Task goal -
From the entries that follow, reproduce exactly and only the lines from the line with "#77=IFCINDEXEDPOLYGONALFACE((1,3,7,5));" to the line with "#109=IFCPRODUCTDEFINITIONSHAPE($,$,(#108));", endpoints included.

══ Source data ══

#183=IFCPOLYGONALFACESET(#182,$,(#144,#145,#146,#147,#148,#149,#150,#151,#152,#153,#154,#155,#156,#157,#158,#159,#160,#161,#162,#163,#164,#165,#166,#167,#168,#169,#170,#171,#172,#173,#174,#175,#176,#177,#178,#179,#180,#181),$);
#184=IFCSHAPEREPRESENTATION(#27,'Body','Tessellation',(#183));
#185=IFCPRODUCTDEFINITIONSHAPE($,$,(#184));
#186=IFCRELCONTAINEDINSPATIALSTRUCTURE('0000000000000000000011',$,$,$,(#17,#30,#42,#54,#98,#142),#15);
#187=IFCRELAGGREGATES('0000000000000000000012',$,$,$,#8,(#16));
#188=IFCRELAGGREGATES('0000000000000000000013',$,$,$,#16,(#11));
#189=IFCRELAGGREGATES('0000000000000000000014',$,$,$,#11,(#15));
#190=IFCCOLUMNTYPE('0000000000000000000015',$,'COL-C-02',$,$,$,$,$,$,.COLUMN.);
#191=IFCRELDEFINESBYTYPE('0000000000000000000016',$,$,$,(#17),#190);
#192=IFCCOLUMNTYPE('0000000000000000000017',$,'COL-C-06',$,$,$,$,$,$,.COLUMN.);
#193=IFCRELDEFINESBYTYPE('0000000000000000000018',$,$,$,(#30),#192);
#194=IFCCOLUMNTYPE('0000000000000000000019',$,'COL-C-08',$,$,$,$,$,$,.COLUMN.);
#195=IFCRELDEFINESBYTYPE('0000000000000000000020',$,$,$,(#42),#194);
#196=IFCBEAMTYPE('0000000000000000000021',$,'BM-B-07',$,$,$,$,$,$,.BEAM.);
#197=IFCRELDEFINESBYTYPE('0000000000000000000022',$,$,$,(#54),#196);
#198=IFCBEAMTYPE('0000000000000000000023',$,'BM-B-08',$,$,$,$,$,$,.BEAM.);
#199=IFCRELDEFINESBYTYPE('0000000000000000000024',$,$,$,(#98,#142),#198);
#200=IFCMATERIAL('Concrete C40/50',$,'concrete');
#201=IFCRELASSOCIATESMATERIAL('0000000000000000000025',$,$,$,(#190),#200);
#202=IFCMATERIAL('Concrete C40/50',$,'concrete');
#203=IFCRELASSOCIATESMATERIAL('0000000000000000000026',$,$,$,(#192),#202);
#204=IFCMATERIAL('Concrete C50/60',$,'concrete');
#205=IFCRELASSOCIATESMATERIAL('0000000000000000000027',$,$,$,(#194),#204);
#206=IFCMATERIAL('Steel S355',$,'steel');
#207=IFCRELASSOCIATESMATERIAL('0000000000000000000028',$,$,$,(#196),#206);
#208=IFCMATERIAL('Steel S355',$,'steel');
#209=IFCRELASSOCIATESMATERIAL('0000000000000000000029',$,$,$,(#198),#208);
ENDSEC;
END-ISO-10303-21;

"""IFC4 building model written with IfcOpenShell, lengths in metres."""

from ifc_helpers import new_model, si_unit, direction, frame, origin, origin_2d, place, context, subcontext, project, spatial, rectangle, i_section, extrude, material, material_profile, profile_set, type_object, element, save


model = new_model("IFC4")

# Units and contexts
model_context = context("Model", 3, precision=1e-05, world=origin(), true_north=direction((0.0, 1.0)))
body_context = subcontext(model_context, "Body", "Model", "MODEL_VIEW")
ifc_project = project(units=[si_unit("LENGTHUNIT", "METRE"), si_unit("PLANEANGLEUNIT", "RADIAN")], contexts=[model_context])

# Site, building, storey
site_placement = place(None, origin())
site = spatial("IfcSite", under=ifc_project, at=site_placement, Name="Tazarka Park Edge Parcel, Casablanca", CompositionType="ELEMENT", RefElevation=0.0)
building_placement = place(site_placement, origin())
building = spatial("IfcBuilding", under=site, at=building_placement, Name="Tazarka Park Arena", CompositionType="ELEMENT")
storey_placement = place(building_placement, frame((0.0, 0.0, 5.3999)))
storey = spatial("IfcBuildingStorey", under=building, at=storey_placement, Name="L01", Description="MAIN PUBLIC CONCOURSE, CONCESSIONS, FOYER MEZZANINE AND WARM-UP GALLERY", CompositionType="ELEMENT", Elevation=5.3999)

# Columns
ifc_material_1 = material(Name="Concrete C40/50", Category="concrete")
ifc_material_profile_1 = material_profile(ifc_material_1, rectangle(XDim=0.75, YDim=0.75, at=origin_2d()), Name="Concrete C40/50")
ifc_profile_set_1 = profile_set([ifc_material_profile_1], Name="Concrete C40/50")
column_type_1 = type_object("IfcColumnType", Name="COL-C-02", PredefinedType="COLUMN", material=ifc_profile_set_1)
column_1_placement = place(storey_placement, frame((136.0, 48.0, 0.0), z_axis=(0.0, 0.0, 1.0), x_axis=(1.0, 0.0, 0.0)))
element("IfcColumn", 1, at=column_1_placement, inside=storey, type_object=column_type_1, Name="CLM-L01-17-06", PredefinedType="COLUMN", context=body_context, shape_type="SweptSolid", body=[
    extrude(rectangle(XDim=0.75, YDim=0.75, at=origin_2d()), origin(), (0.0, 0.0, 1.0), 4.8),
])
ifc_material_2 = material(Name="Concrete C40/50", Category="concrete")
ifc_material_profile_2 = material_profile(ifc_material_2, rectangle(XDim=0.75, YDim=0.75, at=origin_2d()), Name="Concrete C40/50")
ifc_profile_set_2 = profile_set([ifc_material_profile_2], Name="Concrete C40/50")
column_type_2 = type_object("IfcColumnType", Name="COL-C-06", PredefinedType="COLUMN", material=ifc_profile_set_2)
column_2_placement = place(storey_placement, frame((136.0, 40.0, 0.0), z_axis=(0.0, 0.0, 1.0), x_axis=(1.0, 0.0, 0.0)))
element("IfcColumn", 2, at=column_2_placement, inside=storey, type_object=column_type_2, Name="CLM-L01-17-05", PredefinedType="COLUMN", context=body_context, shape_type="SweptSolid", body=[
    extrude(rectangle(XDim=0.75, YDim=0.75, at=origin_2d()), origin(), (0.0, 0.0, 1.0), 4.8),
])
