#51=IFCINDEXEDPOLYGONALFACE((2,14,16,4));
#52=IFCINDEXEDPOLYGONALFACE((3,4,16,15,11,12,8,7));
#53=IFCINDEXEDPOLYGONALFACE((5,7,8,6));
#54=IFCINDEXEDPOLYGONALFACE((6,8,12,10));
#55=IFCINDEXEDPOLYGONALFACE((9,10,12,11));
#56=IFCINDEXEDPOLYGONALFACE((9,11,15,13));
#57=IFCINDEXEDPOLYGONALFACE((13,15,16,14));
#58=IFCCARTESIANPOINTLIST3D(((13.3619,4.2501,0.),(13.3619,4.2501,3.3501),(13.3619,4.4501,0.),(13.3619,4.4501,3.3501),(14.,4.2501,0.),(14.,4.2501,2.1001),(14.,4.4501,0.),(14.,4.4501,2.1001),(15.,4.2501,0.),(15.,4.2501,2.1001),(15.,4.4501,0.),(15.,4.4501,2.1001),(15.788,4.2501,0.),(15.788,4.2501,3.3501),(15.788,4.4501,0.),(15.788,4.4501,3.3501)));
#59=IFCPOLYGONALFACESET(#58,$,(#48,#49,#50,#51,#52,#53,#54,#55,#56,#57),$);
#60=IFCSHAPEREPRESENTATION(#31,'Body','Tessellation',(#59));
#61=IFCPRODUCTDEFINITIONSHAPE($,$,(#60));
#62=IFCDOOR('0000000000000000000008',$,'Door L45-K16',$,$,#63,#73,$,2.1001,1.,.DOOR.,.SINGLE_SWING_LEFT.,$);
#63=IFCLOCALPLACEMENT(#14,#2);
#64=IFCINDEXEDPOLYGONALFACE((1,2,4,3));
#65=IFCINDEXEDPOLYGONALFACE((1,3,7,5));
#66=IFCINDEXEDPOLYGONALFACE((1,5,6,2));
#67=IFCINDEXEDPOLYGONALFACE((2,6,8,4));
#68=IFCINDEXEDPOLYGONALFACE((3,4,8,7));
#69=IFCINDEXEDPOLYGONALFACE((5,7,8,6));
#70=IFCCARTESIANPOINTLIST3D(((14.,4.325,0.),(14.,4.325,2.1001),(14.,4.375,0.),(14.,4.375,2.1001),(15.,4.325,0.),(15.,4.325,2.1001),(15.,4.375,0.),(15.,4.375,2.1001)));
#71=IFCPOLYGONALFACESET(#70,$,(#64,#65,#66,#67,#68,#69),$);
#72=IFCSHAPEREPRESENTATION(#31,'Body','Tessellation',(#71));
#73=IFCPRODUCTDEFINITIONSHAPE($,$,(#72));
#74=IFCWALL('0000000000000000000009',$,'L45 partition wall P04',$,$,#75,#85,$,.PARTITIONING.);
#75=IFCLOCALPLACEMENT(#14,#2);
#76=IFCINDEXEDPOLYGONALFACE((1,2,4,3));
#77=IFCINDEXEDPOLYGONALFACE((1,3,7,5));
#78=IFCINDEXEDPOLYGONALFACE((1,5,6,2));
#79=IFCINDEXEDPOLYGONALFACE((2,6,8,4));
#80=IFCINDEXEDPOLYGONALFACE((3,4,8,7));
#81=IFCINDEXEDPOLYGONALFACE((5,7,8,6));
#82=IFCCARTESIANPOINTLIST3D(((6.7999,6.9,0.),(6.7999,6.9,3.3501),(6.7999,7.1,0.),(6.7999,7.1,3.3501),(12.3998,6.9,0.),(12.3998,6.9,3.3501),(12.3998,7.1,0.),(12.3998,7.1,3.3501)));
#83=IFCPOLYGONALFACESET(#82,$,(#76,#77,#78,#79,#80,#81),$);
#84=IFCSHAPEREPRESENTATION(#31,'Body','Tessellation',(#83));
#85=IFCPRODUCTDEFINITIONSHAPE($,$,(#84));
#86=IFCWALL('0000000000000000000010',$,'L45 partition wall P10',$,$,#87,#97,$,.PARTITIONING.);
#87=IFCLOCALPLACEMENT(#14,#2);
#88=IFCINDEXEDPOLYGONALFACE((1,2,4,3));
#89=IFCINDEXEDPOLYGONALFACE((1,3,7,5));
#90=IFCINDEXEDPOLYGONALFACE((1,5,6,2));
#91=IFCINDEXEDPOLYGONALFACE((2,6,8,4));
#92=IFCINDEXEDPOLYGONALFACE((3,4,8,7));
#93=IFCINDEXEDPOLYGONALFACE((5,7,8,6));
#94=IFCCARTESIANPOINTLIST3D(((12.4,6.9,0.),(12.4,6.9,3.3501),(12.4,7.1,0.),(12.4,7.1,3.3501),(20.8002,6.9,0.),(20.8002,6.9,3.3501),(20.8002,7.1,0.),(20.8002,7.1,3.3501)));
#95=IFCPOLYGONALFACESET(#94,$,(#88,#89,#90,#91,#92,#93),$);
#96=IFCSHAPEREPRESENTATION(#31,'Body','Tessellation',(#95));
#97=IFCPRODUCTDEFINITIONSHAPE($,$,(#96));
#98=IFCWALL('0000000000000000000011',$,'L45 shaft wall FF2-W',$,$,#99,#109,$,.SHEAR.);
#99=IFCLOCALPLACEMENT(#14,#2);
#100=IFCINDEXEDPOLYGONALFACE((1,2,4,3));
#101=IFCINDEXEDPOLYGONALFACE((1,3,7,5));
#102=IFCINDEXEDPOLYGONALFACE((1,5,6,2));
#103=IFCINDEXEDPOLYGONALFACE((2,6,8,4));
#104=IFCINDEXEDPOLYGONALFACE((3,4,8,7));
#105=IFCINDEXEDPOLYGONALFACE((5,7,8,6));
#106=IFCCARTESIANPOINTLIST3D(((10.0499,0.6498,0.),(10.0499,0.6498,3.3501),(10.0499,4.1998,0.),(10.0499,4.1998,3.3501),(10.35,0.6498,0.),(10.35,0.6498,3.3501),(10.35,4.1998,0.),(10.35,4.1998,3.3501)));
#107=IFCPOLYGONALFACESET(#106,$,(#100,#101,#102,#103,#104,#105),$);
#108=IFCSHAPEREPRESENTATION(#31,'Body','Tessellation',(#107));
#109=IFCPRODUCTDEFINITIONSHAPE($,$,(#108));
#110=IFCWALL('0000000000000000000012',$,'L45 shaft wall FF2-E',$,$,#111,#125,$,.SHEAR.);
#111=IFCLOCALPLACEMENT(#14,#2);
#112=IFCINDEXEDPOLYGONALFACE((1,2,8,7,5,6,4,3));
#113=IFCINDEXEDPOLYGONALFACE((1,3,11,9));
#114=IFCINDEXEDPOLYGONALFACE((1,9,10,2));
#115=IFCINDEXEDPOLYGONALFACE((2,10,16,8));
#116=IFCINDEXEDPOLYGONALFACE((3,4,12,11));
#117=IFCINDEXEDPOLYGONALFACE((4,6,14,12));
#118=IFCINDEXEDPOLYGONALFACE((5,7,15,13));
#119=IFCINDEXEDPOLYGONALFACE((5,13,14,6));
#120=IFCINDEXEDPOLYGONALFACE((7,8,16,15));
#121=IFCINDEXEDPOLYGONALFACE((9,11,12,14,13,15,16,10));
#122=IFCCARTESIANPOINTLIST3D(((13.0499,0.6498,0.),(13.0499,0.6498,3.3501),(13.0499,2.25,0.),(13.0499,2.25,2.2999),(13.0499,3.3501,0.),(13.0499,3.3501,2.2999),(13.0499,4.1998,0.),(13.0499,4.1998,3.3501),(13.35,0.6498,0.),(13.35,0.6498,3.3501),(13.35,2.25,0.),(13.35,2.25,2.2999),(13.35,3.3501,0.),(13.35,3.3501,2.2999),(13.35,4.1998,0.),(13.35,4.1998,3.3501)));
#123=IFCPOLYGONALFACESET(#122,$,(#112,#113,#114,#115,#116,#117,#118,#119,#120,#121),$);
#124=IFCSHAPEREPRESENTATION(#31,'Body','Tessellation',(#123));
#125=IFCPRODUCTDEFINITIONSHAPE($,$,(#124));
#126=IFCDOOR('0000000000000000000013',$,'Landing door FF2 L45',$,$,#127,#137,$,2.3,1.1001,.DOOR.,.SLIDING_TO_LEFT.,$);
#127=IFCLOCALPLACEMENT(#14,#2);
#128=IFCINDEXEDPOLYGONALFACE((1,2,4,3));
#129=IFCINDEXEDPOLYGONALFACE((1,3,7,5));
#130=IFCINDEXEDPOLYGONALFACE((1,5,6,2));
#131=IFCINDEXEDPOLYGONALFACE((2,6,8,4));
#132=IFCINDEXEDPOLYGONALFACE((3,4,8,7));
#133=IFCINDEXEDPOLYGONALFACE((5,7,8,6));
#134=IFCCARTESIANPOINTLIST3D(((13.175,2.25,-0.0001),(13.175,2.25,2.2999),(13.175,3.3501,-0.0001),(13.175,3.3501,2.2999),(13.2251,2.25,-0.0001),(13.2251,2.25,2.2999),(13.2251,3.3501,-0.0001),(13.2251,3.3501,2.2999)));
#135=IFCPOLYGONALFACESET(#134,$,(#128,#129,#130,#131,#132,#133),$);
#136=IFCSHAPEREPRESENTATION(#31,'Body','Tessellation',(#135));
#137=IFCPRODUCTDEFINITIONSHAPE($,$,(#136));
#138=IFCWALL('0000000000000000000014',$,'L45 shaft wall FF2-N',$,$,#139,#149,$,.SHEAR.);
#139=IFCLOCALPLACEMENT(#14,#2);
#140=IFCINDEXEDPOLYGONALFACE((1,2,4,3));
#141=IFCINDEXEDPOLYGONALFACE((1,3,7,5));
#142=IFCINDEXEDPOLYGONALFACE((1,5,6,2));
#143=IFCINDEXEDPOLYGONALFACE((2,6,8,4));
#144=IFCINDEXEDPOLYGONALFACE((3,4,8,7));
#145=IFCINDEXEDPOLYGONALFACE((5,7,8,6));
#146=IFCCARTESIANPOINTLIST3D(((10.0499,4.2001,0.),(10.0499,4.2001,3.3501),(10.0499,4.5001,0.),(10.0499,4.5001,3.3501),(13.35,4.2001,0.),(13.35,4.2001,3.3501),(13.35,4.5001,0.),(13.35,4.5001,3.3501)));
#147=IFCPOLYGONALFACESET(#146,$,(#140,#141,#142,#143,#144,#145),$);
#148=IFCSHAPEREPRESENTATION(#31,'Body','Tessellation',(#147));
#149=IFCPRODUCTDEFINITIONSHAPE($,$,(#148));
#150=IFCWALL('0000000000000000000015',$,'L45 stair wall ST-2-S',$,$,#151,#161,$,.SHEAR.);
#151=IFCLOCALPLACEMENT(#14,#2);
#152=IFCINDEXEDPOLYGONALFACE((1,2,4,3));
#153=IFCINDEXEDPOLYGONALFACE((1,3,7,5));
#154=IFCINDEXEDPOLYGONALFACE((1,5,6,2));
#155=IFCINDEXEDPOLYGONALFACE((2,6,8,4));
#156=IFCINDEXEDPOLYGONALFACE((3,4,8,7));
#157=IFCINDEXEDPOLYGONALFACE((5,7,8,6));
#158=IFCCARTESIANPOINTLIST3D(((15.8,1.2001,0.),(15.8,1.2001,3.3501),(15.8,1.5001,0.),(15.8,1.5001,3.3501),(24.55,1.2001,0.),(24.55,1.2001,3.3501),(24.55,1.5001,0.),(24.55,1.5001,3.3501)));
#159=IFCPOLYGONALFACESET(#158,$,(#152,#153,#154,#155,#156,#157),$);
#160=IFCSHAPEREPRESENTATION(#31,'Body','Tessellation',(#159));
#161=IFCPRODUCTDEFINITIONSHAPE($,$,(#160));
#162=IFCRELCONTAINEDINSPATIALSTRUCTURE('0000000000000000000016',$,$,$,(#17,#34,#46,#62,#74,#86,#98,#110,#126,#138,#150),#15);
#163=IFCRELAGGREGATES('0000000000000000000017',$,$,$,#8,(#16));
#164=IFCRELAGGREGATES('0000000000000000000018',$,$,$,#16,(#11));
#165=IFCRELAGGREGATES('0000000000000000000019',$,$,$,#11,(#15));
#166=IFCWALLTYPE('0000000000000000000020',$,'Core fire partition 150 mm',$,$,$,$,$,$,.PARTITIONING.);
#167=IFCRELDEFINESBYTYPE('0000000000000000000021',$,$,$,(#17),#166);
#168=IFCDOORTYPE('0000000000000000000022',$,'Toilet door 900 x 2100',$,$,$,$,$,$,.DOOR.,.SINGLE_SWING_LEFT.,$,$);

═══

Result below -
#77=IFCINDEXEDPOLYGONALFACE((1,3,7,5));
#78=IFCINDEXEDPOLYGONALFACE((1,5,6,2));
#79=IFCINDEXEDPOLYGONALFACE((2,6,8,4));
#80=IFCINDEXEDPOLYGONALFACE((3,4,8,7));
#81=IFCINDEXEDPOLYGONALFACE((5,7,8,6));
#82=IFCCARTESIANPOINTLIST3D(((6.7999,6.9,0.),(6.7999,6.9,3.3501),(6.7999,7.1,0.),(6.7999,7.1,3.3501),(12.3998,6.9,0.),(12.3998,6.9,3.3501),(12.3998,7.1,0.),(12.3998,7.1,3.3501)));
#83=IFCPOLYGONALFACESET(#82,$,(#76,#77,#78,#79,#80,#81),$);
#84=IFCSHAPEREPRESENTATION(#31,'Body','Tessellation',(#83));
#85=IFCPRODUCTDEFINITIONSHAPE($,$,(#84));
#86=IFCWALL('0000000000000000000010',$,'L45 partition wall P10',$,$,#87,#97,$,.PARTITIONING.);
#87=IFCLOCALPLACEMENT(#14,#2);
#88=IFCINDEXEDPOLYGONALFACE((1,2,4,3));
#89=IFCINDEXEDPOLYGONALFACE((1,3,7,5));
#90=IFCINDEXEDPOLYGONALFACE((1,5,6,2));
#91=IFCINDEXEDPOLYGONALFACE((2,6,8,4));
#92=IFCINDEXEDPOLYGONALFACE((3,4,8,7));
#93=IFCINDEXEDPOLYGONALFACE((5,7,8,6));
#94=IFCCARTESIANPOINTLIST3D(((12.4,6.9,0.),(12.4,6.9,3.3501),(12.4,7.1,0.),(12.4,7.1,3.3501),(20.8002,6.9,0.),(20.8002,6.9,3.3501),(20.8002,7.1,0.),(20.8002,7.1,3.3501)));
#95=IFCPOLYGONALFACESET(#94,$,(#88,#89,#90,#91,#92,#93),$);
#96=IFCSHAPEREPRESENTATION(#31,'Body','Tessellation',(#95));
#97=IFCPRODUCTDEFINITIONSHAPE($,$,(#96));
#98=IFCWALL('0000000000000000000011',$,'L45 shaft wall FF2-W',$,$,#99,#109,$,.SHEAR.);
#99=IFCLOCALPLACEMENT(#14,#2);
#100=IFCINDEXEDPOLYGONALFACE((1,2,4,3));
#101=IFCINDEXEDPOLYGONALFACE((1,3,7,5));
#102=IFCINDEXEDPOLYGONALFACE((1,5,6,2));
#103=IFCINDEXEDPOLYGONALFACE((2,6,8,4));
#104=IFCINDEXEDPOLYGONALFACE((3,4,8,7));
#105=IFCINDEXEDPOLYGONALFACE((5,7,8,6));
#106=IFCCARTESIANPOINTLIST3D(((10.0499,0.6498,0.),(10.0499,0.6498,3.3501),(10.0499,4.1998,0.),(10.0499,4.1998,3.3501),(10.35,0.6498,0.),(10.35,0.6498,3.3501),(10.35,4.1998,0.),(10.35,4.1998,3.3501)));
#107=IFCPOLYGONALFACESET(#106,$,(#100,#101,#102,#103,#104,#105),$);
#108=IFCSHAPEREPRESENTATION(#31,'Body','Tessellation',(#107));
#109=IFCPRODUCTDEFINITIONSHAPE($,$,(#108));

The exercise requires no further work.